▸ **Requirement**
Reproduce the records word for word, from the first line to the line containing "#61=IFCINDEXEDPOLYGONALFACE((10,33,34,11));".

*** Begin section ***

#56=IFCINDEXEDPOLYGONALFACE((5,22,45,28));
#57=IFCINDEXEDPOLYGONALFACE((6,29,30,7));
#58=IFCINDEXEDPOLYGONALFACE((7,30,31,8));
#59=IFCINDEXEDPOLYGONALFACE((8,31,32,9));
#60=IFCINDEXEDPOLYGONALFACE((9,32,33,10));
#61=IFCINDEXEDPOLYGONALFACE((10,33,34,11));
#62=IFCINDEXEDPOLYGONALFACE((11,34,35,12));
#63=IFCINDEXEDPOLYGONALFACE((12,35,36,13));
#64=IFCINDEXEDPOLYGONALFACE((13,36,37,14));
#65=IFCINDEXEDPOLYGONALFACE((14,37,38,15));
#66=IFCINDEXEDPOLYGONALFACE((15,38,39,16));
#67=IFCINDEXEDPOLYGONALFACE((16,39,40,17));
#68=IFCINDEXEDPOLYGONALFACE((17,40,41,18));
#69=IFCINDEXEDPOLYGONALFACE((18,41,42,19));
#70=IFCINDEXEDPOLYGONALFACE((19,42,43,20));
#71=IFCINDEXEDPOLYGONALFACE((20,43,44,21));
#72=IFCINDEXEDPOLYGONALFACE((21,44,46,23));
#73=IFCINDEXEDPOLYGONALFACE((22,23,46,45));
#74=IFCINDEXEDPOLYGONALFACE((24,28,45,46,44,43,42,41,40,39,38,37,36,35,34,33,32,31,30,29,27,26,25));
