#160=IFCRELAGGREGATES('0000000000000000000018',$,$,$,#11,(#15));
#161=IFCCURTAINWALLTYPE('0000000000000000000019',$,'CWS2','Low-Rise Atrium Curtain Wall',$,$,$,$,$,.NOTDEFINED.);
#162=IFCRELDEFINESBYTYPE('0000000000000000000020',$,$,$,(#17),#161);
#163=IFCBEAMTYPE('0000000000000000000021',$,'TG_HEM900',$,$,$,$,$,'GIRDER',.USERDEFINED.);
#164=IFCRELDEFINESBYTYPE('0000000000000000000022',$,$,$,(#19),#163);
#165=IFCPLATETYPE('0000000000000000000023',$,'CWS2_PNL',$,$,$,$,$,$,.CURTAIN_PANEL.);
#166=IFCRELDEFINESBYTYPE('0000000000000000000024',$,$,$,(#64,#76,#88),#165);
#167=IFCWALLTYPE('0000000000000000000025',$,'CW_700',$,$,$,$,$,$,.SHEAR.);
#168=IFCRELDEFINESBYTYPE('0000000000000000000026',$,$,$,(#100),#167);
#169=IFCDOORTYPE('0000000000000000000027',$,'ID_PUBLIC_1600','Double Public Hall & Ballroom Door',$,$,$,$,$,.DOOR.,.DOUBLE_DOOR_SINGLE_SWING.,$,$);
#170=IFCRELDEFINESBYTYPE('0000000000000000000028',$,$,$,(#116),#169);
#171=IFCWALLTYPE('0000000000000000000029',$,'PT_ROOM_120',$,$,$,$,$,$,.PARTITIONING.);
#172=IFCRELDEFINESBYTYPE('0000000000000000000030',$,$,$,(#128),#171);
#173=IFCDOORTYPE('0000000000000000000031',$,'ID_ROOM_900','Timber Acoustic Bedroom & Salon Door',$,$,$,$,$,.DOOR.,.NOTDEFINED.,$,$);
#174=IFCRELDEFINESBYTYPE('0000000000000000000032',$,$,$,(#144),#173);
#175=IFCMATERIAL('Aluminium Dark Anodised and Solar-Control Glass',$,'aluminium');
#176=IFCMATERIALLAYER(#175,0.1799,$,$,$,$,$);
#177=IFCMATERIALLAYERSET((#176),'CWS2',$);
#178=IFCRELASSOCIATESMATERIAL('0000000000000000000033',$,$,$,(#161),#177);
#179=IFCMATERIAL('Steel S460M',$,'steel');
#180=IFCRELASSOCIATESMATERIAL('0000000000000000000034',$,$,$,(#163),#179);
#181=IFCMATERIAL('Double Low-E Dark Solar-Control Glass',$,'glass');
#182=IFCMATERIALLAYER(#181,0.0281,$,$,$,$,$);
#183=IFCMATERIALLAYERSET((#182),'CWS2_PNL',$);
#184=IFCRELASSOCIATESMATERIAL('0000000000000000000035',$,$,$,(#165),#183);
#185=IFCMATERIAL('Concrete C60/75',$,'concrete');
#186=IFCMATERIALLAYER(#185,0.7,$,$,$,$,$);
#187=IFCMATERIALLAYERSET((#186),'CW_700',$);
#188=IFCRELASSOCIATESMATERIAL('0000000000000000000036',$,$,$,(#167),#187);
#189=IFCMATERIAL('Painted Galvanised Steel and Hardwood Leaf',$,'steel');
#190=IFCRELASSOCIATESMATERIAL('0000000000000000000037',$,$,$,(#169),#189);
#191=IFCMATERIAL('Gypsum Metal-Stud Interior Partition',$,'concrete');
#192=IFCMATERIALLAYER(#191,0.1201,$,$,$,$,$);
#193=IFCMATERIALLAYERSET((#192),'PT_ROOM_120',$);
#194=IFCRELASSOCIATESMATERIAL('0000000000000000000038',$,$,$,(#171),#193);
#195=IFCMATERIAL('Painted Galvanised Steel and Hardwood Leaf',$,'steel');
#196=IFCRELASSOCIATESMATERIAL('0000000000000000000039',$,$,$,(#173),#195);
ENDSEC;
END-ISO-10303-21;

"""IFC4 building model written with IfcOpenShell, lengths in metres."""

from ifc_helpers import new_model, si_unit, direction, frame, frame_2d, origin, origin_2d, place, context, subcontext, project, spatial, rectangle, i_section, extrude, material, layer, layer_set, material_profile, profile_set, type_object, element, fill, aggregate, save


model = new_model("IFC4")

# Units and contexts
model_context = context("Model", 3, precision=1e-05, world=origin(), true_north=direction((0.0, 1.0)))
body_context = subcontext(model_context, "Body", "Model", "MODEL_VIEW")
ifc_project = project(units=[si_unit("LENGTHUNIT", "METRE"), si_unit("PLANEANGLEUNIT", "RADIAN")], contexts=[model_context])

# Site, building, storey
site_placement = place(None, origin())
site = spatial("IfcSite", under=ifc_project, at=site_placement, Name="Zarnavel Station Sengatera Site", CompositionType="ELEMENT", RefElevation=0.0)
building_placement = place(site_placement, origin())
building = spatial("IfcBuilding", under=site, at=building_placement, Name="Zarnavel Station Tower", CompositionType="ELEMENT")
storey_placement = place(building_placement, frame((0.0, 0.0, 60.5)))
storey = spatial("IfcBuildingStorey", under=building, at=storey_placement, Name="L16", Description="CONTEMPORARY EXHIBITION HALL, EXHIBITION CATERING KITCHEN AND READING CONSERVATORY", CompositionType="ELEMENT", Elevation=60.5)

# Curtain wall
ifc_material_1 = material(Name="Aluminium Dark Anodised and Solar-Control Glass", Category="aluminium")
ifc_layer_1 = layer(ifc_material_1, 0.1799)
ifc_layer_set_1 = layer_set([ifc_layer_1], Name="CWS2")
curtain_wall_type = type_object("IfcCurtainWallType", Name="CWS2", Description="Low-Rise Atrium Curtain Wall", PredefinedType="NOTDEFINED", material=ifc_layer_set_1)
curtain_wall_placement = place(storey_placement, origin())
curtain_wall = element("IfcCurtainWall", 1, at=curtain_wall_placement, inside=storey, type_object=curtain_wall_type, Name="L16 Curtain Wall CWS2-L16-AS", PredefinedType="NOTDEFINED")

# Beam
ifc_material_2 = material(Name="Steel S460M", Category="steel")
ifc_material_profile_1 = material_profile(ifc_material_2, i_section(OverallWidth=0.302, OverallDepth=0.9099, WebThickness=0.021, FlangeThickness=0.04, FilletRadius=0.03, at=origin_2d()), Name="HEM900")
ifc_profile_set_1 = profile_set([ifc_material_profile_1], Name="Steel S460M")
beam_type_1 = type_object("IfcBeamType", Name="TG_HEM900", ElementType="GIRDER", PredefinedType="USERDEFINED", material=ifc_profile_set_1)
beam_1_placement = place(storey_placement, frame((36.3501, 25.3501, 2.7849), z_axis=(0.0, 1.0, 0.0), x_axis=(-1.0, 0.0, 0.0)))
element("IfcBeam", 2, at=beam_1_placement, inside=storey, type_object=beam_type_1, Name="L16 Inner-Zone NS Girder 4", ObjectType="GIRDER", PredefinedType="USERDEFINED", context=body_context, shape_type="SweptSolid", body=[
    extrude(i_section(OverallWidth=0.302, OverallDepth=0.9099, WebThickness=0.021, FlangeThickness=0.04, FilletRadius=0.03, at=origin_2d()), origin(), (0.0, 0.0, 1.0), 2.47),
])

*** End section ***

▸ **Solution for this task**
#56=IFCINDEXEDPOLYGONALFACE((5,22,45,28));
#57=IFCINDEXEDPOLYGONALFACE((6,29,30,7));
#58=IFCINDEXEDPOLYGONALFACE((7,30,31,8));
#59=IFCINDEXEDPOLYGONALFACE((8,31,32,9));
#60=IFCINDEXEDPOLYGONALFACE((9,32,33,10));
#61=IFCINDEXEDPOLYGONALFACE((10,33,34,11));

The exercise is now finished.